Your task: The lines below are to be quoted exactly, from the first through the one that contains "#186=IFCRELAGGREGATES('0000000000000000000012',$,$,$,#11,(#15));".

Records to process:

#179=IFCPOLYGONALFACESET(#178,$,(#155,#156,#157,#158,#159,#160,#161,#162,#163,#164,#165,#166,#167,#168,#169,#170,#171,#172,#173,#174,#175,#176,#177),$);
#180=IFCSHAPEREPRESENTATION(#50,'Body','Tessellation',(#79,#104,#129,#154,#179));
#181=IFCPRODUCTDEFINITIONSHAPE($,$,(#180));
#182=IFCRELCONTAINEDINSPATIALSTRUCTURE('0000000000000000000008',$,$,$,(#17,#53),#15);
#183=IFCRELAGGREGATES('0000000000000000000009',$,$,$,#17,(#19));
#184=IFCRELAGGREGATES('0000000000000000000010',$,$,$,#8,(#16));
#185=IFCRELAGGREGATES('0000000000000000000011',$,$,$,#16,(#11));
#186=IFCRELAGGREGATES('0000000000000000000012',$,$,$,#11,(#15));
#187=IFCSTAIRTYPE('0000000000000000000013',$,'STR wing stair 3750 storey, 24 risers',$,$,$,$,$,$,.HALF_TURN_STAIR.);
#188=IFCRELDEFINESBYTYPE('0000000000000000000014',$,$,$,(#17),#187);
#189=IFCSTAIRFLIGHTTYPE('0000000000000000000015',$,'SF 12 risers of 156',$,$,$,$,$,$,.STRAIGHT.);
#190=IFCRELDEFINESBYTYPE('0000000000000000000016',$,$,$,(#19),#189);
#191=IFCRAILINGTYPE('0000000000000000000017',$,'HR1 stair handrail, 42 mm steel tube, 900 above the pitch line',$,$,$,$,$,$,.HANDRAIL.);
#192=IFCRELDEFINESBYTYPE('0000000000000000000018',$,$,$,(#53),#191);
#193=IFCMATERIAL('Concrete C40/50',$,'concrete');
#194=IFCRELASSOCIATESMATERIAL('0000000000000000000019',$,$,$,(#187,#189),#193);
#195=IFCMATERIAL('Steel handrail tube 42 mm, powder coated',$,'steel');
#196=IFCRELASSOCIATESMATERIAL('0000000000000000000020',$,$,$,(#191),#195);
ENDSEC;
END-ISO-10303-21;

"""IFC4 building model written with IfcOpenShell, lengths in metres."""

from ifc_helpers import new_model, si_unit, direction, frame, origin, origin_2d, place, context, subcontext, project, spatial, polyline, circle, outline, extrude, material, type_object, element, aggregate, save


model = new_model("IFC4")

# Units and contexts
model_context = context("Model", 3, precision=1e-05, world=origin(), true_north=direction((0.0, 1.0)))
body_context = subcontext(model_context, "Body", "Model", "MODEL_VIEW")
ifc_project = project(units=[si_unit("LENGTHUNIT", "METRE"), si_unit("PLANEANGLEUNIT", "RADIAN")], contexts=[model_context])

Answer section:
#179=IFCPOLYGONALFACESET(#178,$,(#155,#156,#157,#158,#159,#160,#161,#162,#163,#164,#165,#166,#167,#168,#169,#170,#171,#172,#173,#174,#175,#176,#177),$);
#180=IFCSHAPEREPRESENTATION(#50,'Body','Tessellation',(#79,#104,#129,#154,#179));
#181=IFCPRODUCTDEFINITIONSHAPE($,$,(#180));
#182=IFCRELCONTAINEDINSPATIALSTRUCTURE('0000000000000000000008',$,$,$,(#17,#53),#15);
#183=IFCRELAGGREGATES('0000000000000000000009',$,$,$,#17,(#19));
#184=IFCRELAGGREGATES('0000000000000000000010',$,$,$,#8,(#16));
#185=IFCRELAGGREGATES('0000000000000000000011',$,$,$,#16,(#11));
#186=IFCRELAGGREGATES('0000000000000000000012',$,$,$,#11,(#15));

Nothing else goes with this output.